┌────────

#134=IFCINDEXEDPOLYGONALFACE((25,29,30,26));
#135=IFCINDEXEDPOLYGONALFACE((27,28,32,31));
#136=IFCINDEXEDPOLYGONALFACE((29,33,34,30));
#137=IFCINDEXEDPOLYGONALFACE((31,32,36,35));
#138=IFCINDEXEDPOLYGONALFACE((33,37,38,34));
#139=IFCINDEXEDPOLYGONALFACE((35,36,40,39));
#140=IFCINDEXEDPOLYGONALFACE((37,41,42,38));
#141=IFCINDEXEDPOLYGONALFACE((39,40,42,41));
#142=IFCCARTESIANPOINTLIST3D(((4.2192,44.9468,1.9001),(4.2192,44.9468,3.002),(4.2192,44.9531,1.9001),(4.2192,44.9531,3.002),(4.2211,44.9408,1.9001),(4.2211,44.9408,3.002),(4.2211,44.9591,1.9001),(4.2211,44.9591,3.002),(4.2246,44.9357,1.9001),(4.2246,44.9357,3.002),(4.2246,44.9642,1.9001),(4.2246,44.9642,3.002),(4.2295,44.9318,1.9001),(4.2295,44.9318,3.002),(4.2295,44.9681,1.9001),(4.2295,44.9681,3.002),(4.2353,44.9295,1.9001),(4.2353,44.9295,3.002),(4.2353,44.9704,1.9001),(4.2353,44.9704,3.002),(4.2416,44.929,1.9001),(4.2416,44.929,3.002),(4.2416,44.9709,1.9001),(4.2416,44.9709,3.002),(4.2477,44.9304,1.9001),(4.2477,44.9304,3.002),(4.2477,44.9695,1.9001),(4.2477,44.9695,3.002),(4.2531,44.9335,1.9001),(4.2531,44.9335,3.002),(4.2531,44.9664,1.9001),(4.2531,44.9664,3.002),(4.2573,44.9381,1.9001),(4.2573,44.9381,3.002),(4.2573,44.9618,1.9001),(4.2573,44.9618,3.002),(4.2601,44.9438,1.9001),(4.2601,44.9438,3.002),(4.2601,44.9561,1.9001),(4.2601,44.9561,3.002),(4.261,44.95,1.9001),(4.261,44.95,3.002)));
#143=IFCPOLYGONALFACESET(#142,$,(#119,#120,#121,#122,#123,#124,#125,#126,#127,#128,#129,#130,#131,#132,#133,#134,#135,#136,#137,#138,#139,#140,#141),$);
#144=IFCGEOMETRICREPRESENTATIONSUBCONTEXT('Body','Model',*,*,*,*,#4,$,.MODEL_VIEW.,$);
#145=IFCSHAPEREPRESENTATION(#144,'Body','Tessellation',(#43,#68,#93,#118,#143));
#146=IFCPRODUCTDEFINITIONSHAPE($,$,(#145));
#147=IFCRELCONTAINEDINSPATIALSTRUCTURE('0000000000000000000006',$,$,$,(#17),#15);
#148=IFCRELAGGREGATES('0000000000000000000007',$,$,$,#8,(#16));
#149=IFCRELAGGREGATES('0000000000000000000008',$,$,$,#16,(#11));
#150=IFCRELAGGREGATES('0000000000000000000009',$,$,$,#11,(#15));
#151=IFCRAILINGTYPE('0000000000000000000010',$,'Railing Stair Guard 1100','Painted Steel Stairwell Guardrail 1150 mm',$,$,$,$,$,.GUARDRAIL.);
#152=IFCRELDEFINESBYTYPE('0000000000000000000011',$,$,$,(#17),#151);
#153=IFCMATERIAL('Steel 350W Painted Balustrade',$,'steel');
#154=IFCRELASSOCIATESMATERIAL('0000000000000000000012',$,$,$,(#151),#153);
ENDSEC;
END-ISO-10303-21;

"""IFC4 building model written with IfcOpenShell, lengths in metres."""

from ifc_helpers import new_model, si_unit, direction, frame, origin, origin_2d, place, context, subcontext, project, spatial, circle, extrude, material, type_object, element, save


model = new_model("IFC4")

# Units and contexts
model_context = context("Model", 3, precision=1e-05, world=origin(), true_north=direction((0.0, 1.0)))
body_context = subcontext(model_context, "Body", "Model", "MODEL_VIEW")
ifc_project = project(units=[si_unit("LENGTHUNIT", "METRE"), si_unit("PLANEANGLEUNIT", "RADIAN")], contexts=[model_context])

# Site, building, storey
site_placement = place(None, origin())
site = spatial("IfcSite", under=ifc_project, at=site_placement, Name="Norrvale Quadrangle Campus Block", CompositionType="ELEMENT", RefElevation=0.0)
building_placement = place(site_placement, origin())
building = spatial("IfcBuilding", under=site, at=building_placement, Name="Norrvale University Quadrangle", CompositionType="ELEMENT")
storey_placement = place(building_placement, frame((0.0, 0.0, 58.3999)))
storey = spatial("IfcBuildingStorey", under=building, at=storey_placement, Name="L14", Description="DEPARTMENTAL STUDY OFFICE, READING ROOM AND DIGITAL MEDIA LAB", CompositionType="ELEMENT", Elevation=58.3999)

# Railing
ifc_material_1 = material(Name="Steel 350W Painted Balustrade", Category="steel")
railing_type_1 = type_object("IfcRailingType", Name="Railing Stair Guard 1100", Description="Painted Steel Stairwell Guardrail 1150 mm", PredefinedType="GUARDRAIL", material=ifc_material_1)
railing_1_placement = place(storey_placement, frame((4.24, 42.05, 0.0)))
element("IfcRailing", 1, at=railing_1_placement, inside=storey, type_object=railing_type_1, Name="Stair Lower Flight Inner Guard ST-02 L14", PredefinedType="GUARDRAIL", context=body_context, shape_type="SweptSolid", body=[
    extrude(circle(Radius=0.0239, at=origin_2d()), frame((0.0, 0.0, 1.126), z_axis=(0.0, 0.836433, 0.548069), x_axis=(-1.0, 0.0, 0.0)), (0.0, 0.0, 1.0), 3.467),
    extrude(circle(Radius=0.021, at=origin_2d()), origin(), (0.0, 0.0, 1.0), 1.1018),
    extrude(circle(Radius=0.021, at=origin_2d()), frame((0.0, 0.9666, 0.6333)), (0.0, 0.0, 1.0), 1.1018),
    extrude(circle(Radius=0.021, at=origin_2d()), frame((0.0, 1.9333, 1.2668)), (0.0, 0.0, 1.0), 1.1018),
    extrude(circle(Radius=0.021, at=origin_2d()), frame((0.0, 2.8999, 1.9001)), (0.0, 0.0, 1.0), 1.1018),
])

└────────

= DIRECTIONS =
What lines of the preceding data include the string "under"? Pull them out.

= SOLUTION TO THIS EXERCISE =
site = spatial("IfcSite", under=ifc_project, at=site_placement, Name="Norrvale Quadrangle Campus Block", CompositionType="ELEMENT", RefElevation=0.0)
building = spatial("IfcBuilding", under=site, at=building_placement, Name="Norrvale University Quadrangle", CompositionType="ELEMENT")
storey = spatial("IfcBuildingStorey", under=building, at=storey_placement, Name="L14", Description="DEPARTMENTAL STUDY OFFICE, READING ROOM AND DIGITAL MEDIA LAB", CompositionType="ELEMENT", Elevation=58.3999)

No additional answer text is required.